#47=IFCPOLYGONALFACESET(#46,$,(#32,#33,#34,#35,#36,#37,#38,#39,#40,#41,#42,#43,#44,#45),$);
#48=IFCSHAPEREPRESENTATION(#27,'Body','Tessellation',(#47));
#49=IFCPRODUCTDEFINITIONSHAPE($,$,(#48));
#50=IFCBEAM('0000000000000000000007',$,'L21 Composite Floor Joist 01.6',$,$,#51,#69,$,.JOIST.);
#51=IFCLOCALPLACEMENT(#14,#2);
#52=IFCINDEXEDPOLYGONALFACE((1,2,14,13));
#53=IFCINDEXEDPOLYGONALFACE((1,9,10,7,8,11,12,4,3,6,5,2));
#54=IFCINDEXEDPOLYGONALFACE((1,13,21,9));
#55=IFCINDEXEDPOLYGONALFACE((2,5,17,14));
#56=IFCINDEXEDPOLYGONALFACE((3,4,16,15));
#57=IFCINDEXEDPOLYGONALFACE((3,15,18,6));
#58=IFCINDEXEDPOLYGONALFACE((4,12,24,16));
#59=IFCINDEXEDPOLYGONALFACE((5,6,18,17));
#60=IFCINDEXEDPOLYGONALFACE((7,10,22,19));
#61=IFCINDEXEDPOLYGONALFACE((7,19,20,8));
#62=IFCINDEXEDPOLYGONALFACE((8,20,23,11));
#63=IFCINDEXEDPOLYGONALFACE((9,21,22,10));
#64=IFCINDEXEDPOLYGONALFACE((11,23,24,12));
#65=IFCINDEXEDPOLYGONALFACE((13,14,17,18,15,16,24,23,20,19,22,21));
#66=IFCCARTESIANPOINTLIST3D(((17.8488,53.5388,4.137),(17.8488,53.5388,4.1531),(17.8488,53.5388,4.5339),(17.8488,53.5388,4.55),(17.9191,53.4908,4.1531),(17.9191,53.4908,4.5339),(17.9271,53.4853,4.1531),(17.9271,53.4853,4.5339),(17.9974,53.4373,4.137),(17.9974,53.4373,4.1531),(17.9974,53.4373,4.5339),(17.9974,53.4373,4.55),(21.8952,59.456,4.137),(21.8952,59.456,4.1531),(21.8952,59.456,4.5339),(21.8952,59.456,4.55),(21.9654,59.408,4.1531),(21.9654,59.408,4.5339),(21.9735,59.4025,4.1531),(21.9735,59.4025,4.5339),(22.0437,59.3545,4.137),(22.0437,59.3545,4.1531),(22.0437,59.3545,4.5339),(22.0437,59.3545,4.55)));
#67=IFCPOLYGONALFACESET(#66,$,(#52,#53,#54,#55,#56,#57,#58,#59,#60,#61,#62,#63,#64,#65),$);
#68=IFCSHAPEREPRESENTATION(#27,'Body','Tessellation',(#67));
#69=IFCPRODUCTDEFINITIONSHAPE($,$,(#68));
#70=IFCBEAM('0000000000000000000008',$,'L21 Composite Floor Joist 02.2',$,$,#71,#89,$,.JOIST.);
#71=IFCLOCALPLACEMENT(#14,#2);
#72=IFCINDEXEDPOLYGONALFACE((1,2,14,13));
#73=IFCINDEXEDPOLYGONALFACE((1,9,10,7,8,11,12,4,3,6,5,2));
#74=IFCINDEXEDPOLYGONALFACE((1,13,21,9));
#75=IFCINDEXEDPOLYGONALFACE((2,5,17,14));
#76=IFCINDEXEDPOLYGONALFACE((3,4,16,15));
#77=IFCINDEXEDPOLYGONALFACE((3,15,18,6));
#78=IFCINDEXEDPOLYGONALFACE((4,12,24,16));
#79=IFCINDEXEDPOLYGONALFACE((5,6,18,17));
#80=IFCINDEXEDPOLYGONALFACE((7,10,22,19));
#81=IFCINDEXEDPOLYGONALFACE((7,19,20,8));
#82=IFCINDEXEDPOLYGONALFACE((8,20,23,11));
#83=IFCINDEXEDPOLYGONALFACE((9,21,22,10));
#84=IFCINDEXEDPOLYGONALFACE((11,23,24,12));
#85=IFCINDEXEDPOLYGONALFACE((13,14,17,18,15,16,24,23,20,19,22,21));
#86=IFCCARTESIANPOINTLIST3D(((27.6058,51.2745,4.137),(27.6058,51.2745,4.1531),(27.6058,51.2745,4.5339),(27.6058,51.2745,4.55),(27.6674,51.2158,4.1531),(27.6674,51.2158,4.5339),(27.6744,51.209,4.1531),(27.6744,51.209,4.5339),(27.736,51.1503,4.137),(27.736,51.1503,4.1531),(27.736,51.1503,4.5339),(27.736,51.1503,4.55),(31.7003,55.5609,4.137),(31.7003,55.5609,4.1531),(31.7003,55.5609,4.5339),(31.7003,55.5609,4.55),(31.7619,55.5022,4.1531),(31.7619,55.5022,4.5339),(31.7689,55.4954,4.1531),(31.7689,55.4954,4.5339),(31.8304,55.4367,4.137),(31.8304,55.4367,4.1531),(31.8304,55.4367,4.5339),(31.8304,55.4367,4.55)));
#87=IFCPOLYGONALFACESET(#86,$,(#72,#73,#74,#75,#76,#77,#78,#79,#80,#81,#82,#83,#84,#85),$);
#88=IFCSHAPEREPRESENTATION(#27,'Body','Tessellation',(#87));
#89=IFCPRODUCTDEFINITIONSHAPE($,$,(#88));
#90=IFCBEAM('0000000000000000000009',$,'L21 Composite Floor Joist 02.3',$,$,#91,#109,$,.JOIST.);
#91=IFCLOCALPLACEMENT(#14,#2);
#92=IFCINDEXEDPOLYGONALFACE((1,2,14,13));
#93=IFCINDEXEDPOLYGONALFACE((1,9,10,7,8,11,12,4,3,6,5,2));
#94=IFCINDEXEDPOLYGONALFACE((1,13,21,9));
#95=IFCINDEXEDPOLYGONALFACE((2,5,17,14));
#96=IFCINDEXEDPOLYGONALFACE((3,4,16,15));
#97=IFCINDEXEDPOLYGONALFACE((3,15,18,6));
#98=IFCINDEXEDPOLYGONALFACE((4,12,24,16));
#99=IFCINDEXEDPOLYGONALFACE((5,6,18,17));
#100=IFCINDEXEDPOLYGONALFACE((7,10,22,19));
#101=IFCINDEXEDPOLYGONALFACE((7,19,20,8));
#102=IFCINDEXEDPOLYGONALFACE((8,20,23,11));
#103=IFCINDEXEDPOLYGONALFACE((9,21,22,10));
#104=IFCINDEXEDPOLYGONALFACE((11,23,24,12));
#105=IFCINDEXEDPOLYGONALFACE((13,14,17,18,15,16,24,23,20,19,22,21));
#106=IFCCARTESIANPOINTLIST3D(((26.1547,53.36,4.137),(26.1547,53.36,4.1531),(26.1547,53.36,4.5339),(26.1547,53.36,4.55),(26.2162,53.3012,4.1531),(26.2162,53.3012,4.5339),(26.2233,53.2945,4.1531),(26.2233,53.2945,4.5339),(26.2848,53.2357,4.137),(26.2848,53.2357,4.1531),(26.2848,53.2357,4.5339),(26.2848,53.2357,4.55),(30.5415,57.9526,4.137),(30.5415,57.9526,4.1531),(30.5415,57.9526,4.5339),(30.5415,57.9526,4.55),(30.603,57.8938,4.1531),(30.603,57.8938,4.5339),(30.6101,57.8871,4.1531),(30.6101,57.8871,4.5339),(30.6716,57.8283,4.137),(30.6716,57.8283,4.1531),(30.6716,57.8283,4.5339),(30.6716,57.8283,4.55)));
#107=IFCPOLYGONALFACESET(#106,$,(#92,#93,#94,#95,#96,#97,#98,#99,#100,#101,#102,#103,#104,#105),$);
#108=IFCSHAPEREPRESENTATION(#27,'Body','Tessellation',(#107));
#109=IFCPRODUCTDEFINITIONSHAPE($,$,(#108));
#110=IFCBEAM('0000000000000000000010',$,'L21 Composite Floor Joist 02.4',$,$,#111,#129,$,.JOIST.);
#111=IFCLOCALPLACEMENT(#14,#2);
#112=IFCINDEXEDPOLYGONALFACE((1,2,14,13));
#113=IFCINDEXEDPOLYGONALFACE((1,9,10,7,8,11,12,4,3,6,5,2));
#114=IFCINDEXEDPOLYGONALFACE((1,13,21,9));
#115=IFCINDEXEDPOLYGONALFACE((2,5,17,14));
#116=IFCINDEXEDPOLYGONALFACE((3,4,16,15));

* * *

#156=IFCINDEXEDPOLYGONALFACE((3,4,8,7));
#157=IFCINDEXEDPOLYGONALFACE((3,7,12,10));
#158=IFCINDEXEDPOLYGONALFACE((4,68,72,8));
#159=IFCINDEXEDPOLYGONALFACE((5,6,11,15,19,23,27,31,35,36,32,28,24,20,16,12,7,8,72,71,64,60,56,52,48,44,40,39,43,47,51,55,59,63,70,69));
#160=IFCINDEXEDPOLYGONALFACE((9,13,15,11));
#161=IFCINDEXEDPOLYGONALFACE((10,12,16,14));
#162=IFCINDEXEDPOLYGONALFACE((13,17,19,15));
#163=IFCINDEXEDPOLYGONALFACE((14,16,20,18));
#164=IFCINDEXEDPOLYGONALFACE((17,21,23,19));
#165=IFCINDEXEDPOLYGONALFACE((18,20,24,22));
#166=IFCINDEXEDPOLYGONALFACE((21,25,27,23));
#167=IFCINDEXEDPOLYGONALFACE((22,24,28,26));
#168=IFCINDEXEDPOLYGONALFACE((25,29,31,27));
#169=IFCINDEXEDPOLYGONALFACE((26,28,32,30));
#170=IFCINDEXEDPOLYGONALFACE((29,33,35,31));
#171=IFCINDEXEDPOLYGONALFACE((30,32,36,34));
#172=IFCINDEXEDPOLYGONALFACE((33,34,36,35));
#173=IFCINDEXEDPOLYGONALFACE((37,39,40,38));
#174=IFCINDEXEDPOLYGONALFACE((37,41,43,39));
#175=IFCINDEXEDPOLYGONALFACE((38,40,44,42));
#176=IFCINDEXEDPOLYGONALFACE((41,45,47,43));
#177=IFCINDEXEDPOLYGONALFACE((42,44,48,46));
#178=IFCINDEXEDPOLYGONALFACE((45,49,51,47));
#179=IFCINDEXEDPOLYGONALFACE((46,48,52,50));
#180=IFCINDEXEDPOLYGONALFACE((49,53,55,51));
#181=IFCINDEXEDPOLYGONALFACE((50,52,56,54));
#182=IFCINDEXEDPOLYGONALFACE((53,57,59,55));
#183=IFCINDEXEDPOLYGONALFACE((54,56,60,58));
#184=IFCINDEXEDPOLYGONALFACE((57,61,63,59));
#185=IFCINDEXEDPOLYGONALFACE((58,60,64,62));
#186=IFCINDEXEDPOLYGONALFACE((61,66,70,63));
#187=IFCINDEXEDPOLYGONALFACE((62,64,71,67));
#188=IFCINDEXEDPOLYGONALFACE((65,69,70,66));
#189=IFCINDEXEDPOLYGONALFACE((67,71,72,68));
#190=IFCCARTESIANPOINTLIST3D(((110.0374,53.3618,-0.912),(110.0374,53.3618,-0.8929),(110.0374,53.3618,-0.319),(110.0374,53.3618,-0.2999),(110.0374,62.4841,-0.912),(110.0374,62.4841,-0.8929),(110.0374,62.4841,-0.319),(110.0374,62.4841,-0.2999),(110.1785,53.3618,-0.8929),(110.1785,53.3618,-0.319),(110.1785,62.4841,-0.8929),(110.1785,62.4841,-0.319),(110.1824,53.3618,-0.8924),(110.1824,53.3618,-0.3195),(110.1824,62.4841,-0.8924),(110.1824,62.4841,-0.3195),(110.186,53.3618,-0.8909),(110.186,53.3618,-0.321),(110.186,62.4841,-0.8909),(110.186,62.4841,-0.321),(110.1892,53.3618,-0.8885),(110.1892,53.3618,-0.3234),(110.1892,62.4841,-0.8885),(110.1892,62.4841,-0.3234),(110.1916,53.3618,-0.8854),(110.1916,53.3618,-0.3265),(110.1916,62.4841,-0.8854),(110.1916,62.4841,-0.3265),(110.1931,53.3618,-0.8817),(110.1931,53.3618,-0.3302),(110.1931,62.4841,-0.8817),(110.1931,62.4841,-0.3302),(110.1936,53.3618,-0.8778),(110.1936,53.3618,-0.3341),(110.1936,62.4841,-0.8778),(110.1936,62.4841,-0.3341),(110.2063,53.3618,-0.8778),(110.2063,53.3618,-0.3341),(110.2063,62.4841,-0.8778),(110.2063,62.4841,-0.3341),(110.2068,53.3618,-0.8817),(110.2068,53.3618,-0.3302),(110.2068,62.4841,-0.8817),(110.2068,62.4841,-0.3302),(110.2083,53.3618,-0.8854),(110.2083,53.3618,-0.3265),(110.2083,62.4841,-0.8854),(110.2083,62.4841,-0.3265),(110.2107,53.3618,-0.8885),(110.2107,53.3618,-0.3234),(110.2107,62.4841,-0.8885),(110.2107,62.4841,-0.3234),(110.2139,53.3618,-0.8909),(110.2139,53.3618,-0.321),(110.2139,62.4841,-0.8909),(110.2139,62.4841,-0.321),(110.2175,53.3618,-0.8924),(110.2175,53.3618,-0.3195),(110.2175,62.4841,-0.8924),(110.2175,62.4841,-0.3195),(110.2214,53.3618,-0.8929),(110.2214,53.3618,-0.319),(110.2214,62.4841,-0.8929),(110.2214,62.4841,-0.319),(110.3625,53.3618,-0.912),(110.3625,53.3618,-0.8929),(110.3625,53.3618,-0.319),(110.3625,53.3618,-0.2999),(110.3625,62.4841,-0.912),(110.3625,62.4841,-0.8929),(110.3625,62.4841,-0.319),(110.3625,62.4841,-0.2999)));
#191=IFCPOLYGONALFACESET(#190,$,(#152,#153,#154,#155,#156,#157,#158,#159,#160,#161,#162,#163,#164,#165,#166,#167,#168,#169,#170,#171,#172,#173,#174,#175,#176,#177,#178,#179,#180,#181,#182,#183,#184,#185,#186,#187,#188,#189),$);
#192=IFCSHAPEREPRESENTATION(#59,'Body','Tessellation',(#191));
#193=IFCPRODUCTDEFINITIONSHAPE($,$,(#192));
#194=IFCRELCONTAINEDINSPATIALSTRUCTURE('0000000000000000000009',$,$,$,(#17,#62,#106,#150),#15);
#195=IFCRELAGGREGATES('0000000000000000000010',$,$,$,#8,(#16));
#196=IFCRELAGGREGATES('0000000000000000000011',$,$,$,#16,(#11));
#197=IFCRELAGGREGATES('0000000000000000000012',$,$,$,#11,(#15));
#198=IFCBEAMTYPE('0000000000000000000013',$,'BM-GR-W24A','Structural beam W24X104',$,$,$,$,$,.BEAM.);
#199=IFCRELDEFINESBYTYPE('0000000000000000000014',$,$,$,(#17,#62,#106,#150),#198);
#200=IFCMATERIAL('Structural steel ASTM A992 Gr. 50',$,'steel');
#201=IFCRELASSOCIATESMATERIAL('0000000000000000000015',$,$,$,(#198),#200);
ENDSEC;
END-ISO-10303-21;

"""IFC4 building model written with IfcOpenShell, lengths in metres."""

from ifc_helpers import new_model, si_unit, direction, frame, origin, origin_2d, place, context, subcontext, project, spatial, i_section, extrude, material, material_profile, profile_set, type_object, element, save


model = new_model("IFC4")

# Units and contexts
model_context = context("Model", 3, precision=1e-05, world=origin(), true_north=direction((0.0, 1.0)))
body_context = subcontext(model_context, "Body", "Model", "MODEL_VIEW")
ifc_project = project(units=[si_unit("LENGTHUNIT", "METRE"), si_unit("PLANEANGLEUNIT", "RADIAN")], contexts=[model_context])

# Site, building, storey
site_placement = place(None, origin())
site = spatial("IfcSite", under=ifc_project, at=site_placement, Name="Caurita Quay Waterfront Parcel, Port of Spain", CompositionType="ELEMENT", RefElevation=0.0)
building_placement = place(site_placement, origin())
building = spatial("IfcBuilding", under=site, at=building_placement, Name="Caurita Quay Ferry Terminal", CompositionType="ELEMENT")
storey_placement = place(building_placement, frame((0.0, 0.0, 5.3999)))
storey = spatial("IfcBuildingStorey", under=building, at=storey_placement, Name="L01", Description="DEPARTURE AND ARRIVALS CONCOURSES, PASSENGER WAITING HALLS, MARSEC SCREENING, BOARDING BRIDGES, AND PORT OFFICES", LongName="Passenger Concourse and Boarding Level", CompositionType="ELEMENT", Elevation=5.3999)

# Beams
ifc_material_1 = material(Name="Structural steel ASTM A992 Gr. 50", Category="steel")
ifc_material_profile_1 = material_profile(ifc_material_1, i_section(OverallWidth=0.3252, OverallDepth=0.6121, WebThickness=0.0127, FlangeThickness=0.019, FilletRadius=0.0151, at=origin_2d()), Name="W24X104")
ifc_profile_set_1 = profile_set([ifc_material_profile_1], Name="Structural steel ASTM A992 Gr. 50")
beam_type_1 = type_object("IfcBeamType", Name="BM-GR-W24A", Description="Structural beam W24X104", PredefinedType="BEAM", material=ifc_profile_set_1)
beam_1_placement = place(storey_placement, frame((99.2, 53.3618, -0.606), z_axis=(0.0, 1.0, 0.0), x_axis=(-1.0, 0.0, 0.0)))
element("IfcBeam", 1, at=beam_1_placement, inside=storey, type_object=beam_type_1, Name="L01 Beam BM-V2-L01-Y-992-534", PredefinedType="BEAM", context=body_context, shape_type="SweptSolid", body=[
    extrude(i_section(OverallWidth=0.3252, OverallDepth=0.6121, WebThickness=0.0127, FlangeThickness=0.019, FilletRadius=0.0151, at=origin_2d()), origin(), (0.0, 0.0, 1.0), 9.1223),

Try it
When you find a line in the records that contains the word "WebThickness", copy it.

Output below
ifc_material_profile_1 = material_profile(ifc_material_1, i_section(OverallWidth=0.3252, OverallDepth=0.6121, WebThickness=0.0127, FlangeThickness=0.019, FilletRadius=0.0151, at=origin_2d()), Name="W24X104")
    extrude(i_section(OverallWidth=0.3252, OverallDepth=0.6121, WebThickness=0.0127, FlangeThickness=0.019, FilletRadius=0.0151, at=origin_2d()), origin(), (0.0, 0.0, 1.0), 9.1223),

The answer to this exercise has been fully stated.